=== EXTRACTED DATA ===

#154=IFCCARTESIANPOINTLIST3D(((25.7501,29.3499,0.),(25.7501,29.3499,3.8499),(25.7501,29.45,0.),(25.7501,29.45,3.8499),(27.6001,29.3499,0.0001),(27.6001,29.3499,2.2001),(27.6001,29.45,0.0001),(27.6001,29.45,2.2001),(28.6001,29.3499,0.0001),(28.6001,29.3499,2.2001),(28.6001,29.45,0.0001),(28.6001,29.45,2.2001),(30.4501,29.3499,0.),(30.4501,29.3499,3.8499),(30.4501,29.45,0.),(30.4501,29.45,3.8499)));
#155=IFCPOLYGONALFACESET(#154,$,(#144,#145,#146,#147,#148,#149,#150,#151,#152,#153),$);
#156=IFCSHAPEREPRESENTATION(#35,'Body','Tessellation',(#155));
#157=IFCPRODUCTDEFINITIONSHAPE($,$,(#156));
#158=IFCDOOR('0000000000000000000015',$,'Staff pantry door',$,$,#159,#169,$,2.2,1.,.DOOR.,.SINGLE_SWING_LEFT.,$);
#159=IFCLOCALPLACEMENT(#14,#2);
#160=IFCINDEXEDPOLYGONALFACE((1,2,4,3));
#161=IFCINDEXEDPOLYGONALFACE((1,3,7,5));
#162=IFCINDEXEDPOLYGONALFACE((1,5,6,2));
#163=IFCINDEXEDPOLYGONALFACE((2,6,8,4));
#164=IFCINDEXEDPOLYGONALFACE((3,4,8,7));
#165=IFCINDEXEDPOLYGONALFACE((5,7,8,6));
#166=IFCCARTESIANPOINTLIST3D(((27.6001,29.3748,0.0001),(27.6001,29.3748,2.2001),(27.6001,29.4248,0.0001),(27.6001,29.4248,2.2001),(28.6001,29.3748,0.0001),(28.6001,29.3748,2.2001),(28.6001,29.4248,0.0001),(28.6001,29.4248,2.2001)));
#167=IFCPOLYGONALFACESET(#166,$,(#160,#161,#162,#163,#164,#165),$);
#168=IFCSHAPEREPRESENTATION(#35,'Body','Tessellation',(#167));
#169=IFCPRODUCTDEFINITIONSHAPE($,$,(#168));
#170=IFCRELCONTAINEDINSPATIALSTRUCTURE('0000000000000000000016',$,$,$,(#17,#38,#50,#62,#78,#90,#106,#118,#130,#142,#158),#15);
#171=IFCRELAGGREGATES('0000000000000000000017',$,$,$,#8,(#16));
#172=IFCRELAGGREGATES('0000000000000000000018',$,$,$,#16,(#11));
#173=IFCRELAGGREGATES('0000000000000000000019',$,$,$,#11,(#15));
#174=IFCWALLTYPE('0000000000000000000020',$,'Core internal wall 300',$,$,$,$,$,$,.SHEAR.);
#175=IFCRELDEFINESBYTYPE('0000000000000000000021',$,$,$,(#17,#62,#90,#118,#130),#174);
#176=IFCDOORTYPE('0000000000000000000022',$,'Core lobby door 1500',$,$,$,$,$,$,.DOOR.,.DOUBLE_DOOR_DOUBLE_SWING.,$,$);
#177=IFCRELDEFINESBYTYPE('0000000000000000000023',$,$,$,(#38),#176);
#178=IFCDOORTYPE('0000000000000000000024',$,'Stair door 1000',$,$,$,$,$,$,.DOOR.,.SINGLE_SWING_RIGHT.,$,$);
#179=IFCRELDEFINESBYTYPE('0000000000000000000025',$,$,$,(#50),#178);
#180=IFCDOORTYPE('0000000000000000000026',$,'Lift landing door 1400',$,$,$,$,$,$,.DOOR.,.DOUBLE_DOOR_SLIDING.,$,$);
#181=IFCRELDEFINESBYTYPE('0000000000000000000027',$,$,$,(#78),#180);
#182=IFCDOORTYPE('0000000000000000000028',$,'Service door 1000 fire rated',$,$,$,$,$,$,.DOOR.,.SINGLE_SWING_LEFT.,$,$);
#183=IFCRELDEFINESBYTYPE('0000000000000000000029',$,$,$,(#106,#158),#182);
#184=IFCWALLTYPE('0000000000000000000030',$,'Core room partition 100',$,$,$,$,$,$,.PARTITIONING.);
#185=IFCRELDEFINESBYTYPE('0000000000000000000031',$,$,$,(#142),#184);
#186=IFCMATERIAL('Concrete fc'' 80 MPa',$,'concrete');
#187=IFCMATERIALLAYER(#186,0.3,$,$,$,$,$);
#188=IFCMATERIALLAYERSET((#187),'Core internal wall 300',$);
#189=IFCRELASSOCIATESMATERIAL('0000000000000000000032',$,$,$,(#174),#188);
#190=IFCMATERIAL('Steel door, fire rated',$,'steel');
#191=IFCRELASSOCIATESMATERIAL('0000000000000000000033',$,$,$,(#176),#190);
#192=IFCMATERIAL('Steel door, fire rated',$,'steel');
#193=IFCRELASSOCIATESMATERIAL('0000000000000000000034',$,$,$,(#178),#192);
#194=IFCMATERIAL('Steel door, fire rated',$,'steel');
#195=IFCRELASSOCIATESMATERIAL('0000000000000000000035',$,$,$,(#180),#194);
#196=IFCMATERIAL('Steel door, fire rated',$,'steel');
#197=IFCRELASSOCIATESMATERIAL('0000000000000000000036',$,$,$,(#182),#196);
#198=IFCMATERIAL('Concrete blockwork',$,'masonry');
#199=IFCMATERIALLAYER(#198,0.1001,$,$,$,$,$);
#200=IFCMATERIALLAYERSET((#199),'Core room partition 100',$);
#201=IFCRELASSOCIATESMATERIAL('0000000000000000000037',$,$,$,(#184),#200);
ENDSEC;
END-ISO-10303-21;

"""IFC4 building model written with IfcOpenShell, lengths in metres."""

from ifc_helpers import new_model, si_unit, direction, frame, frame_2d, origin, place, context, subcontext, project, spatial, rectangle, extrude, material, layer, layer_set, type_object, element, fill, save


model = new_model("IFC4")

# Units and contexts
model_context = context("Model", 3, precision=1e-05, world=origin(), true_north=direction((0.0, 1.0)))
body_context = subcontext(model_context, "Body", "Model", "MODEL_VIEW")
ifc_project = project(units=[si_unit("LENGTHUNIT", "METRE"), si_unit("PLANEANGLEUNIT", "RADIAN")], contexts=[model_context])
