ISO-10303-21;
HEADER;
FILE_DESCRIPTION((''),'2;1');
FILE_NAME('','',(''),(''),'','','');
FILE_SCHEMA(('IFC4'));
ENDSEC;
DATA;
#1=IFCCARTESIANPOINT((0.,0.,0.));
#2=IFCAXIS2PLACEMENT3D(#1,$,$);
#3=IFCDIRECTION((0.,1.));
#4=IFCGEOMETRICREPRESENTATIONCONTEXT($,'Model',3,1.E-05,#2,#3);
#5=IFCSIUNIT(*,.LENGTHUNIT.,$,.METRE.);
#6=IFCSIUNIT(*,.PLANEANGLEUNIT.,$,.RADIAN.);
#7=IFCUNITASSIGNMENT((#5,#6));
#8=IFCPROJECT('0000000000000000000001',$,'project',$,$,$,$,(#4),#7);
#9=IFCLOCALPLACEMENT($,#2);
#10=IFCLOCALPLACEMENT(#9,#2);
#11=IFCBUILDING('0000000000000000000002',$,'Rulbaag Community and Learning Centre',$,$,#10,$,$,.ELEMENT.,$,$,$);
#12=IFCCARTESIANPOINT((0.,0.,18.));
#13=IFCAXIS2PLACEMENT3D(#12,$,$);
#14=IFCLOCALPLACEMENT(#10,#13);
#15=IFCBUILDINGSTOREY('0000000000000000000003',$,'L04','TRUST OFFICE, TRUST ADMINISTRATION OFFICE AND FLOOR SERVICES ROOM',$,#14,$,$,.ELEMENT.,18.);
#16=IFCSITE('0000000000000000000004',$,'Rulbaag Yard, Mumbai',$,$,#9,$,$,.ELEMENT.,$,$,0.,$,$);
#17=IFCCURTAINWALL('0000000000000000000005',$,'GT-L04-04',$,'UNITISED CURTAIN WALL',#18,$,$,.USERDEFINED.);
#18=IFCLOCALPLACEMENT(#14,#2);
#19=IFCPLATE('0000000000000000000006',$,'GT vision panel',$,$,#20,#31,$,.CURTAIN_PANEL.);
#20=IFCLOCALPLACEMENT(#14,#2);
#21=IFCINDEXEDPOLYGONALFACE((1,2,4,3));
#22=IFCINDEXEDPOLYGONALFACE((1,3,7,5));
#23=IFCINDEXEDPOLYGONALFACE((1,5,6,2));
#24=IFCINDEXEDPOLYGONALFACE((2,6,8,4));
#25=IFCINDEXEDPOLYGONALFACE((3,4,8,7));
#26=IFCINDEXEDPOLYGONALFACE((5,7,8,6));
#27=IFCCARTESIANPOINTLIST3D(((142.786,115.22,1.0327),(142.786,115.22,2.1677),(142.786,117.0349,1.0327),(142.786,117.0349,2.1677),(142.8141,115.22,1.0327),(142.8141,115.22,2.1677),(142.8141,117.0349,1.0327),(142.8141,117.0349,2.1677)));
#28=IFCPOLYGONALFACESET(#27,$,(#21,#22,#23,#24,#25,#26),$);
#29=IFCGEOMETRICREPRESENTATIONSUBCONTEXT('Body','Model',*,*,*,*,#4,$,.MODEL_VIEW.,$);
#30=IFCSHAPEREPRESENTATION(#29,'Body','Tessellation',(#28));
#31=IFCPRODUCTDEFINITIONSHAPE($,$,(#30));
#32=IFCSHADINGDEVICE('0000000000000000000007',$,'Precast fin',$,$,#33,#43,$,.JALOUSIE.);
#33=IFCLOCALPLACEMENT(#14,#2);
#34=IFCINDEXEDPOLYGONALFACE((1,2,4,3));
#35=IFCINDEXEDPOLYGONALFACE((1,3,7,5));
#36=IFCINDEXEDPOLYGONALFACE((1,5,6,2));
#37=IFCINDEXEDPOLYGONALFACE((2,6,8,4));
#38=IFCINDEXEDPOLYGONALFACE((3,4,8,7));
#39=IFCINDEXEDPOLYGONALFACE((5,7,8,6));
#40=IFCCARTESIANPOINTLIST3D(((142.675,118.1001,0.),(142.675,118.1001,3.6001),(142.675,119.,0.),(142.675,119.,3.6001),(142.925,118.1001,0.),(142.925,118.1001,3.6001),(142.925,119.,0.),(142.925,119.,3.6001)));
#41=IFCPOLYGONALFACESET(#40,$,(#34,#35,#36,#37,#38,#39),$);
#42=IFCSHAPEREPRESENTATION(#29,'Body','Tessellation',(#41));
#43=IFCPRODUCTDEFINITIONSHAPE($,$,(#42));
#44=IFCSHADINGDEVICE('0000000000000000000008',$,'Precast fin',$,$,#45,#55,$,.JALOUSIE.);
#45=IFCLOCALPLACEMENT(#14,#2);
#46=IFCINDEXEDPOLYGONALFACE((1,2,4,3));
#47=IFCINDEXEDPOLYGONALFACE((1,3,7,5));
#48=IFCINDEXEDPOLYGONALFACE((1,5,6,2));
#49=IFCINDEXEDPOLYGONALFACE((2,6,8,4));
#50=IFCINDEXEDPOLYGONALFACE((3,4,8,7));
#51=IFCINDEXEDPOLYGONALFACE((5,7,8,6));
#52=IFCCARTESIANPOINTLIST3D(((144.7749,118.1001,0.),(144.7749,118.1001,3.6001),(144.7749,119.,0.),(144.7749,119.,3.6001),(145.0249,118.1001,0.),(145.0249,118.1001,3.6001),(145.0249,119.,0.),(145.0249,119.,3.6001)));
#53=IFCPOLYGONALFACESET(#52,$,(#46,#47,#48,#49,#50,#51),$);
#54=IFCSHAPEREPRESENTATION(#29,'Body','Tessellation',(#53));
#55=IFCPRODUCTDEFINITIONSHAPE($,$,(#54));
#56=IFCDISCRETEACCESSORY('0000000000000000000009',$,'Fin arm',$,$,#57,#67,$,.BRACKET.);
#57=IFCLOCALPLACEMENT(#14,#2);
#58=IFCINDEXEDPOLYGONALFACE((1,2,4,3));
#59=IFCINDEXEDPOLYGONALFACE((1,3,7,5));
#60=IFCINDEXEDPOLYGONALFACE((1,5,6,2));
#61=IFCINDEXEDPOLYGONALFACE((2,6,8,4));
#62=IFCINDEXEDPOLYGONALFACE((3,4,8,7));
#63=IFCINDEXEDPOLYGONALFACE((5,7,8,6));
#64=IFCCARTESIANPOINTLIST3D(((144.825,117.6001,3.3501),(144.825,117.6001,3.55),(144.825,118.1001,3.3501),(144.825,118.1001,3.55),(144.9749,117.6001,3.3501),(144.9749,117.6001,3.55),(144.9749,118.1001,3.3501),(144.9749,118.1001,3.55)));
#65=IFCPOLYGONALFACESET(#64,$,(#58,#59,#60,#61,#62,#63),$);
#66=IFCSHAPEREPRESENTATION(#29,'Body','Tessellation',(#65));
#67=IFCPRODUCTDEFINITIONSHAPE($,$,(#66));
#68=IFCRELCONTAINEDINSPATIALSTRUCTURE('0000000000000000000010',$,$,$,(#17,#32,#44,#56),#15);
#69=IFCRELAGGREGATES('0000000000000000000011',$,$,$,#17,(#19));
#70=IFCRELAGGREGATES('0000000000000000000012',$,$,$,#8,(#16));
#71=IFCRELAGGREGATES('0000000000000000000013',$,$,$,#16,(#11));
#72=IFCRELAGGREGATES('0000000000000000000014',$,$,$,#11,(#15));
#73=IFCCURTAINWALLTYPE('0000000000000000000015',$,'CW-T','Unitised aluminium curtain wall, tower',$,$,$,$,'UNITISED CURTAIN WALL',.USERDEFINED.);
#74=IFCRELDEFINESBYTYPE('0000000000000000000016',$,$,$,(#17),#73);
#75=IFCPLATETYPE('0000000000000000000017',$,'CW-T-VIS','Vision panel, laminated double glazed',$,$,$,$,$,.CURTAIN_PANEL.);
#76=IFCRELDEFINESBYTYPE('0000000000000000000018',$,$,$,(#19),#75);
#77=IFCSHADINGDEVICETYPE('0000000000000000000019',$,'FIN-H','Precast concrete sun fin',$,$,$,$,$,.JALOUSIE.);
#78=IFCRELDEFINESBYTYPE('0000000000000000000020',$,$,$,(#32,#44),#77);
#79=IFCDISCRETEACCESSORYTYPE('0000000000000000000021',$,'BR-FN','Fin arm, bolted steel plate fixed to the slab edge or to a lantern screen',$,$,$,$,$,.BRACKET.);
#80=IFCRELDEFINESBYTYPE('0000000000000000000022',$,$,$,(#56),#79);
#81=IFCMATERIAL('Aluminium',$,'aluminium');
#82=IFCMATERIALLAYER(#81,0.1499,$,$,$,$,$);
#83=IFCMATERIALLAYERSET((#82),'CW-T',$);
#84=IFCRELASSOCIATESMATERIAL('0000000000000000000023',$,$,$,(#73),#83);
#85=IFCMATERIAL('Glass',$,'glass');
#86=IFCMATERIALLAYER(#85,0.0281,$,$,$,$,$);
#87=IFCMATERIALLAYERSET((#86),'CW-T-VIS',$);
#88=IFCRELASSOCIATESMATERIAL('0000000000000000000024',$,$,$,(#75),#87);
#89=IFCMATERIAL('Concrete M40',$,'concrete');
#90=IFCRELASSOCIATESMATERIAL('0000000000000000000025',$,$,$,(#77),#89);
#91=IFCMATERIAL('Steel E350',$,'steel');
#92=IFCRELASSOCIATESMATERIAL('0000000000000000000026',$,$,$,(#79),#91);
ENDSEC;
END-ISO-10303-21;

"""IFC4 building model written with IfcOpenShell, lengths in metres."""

from ifc_helpers import new_model, si_unit, direction, frame, origin, origin_2d, place, context, subcontext, project, spatial, rectangle, extrude, material, layer, layer_set, material_profile, profile_set, type_object, element, aggregate, save


model = new_model("IFC4")

# Units and contexts
model_context = context("Model", 3, precision=1e-05, world=origin(), true_north=direction((0.0, 1.0)))
body_context = subcontext(model_context, "Body", "Model", "MODEL_VIEW")
ifc_project = project(units=[si_unit("LENGTHUNIT", "METRE"), si_unit("PLANEANGLEUNIT", "RADIAN")], contexts=[model_context])

# Site, building, storey
site_placement = place(None, origin())
site = spatial("IfcSite", under=ifc_project, at=site_placement, Name="Rulbaag Yard, Mumbai", CompositionType="ELEMENT", RefElevation=0.0)
building_placement = place(site_placement, origin())
building = spatial("IfcBuilding", under=site, at=building_placement, Name="Rulbaag Community and Learning Centre", CompositionType="ELEMENT")
storey_placement = place(building_placement, frame((0.0, 0.0, 18.0)))
storey = spatial("IfcBuildingStorey", under=building, at=storey_placement, Name="L04", Description="TRUST OFFICE, TRUST ADMINISTRATION OFFICE AND FLOOR SERVICES ROOM", CompositionType="ELEMENT", Elevation=18.0)

# Shared definitions
ifc_material_1 = material(Name="Concrete M40", Category="concrete")

# Curtain wall
ifc_material_2 = material(Name="Aluminium", Category="aluminium")
ifc_layer_1 = layer(ifc_material_2, 0.1499)
ifc_layer_set_1 = layer_set([ifc_layer_1], Name="CW-T")
curtain_wall_type = type_object("IfcCurtainWallType", Name="CW-T", Description="Unitised aluminium curtain wall, tower", ElementType="UNITISED CURTAIN WALL", PredefinedType="USERDEFINED", material=ifc_layer_set_1)
curtain_wall_1_placement = place(storey_placement, origin())
curtain_wall_1 = element("IfcCurtainWall", 1, at=curtain_wall_1_placement, inside=storey, type_object=curtain_wall_type, Name="GT-L04-04", ObjectType="UNITISED CURTAIN WALL", PredefinedType="USERDEFINED")

# Plate
ifc_material_3 = material(Name="Glass", Category="glass")
ifc_layer_2 = layer(ifc_material_3, 0.0281)
ifc_layer_set_2 = layer_set([ifc_layer_2], Name="CW-T-VIS")
plate_type_1 = type_object("IfcPlateType", Name="CW-T-VIS", Description="Vision panel, laminated double glazed", PredefinedType="CURTAIN_PANEL", material=ifc_layer_set_2)
plate_1_placement = place(storey_placement, frame((142.8, 116.1274, 1.0327), z_axis=(0.0, 0.0, 1.0), x_axis=(0.0, 1.0, 0.0)))
plate_1 = element("IfcPlate", 2, at=plate_1_placement, type_object=plate_type_1, Name="GT vision panel", PredefinedType="CURTAIN_PANEL", context=body_context, shape_type="SweptSolid", body=[
    extrude(rectangle(XDim=1.8149, YDim=0.0281, at=origin_2d()), origin(), (0.0, 0.0, 1.0), 1.135),
])
aggregate(curtain_wall_1, [plate_1])

# Shading devices
ifc_material_profile_1 = material_profile(ifc_material_1, rectangle(XDim=0.25, YDim=0.8999, at=origin_2d()), Name="PC 250x900")
ifc_profile_set_1 = profile_set([ifc_material_profile_1], Name="Concrete M40")
shading_device_type = type_object("IfcShadingDeviceType", Name="FIN-H", Description="Precast concrete sun fin", PredefinedType="JALOUSIE", material=ifc_profile_set_1)
for number, where, z_axis, x_axis, name in (
    (3, (142.8, 118.55, 0.0), (0.0, 0.0, 1.0), (1.0, 0.0, 0.0), "Precast fin"),
    (4, (144.8999, 118.55, 0.0), (0.0, 0.0, 1.0), (1.0, 0.0, 0.0), "Precast fin"),
):
    element("IfcShadingDevice", number, at=place(storey_placement, frame(where, z_axis=z_axis, x_axis=x_axis)), inside=storey, type_object=shading_device_type, Name=name, PredefinedType="JALOUSIE", context=body_context, shape_type="SweptSolid", body=[
        extrude(rectangle(XDim=0.25, YDim=0.8999, at=origin_2d()), origin(), (0.0, 0.0, 1.0), 3.6001),
    ])

# Discrete accessory
ifc_material_4 = material(Name="Steel E350", Category="steel")
discrete_accessory_type = type_object("IfcDiscreteAccessoryType", Name="BR-FN", Description="Fin arm, bolted steel plate fixed to the slab edge or to a lantern screen", PredefinedType="BRACKET", material=ifc_material_4)
discrete_accessory_placement = place(storey_placement, frame((144.8999, 117.8501, 3.3501), z_axis=(0.0, 0.0, 1.0), x_axis=(1.0, 0.0, 0.0)))
element("IfcDiscreteAccessory", 5, at=discrete_accessory_placement, inside=storey, type_object=discrete_accessory_type, Name="Fin arm", PredefinedType="BRACKET", context=body_context, shape_type="SweptSolid", body=[
    extrude(rectangle(XDim=0.1499, YDim=0.5, at=origin_2d()), origin(), (0.0, 0.0, 1.0), 0.2),
])

save(model, "model.ifc")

===

__EXERCISE DESCRIPTION__.
Your task for the entries above: copy exactly the span starting with the line with "#163=IFCINDEXEDPOLYGONALFACE((2,6,8,4));" and going on through the line with "#180=IFCDOORTYPE('0000000000000000000026',$,'Lift landing door", both lines included, and nothing else.

__RESPONSE BELOW__.
#163=IFCINDEXEDPOLYGONALFACE((2,6,8,4));
#164=IFCINDEXEDPOLYGONALFACE((3,4,8,7));
#165=IFCINDEXEDPOLYGONALFACE((5,7,8,6));
#166=IFCCARTESIANPOINTLIST3D(((27.6001,29.3748,0.0001),(27.6001,29.3748,2.2001),(27.6001,29.4248,0.0001),(27.6001,29.4248,2.2001),(28.6001,29.3748,0.0001),(28.6001,29.3748,2.2001),(28.6001,29.4248,0.0001),(28.6001,29.4248,2.2001)));
#167=IFCPOLYGONALFACESET(#166,$,(#160,#161,#162,#163,#164,#165),$);
#168=IFCSHAPEREPRESENTATION(#35,'Body','Tessellation',(#167));
#169=IFCPRODUCTDEFINITIONSHAPE($,$,(#168));
#170=IFCRELCONTAINEDINSPATIALSTRUCTURE('0000000000000000000016',$,$,$,(#17,#38,#50,#62,#78,#90,#106,#118,#130,#142,#158),#15);
#171=IFCRELAGGREGATES('0000000000000000000017',$,$,$,#8,(#16));
#172=IFCRELAGGREGATES('0000000000000000000018',$,$,$,#16,(#11));
#173=IFCRELAGGREGATES('0000000000000000000019',$,$,$,#11,(#15));
#174=IFCWALLTYPE('0000000000000000000020',$,'Core internal wall 300',$,$,$,$,$,$,.SHEAR.);
#175=IFCRELDEFINESBYTYPE('0000000000000000000021',$,$,$,(#17,#62,#90,#118,#130),#174);
#176=IFCDOORTYPE('0000000000000000000022',$,'Core lobby door 1500',$,$,$,$,$,$,.DOOR.,.DOUBLE_DOOR_DOUBLE_SWING.,$,$);
#177=IFCRELDEFINESBYTYPE('0000000000000000000023',$,$,$,(#38),#176);
#178=IFCDOORTYPE('0000000000000000000024',$,'Stair door 1000',$,$,$,$,$,$,.DOOR.,.SINGLE_SWING_RIGHT.,$,$);
#179=IFCRELDEFINESBYTYPE('0000000000000000000025',$,$,$,(#50),#178);
#180=IFCDOORTYPE('0000000000000000000026',$,'Lift landing door 1400',$,$,$,$,$,$,.DOOR.,.DOUBLE_DOOR_SLIDING.,$,$);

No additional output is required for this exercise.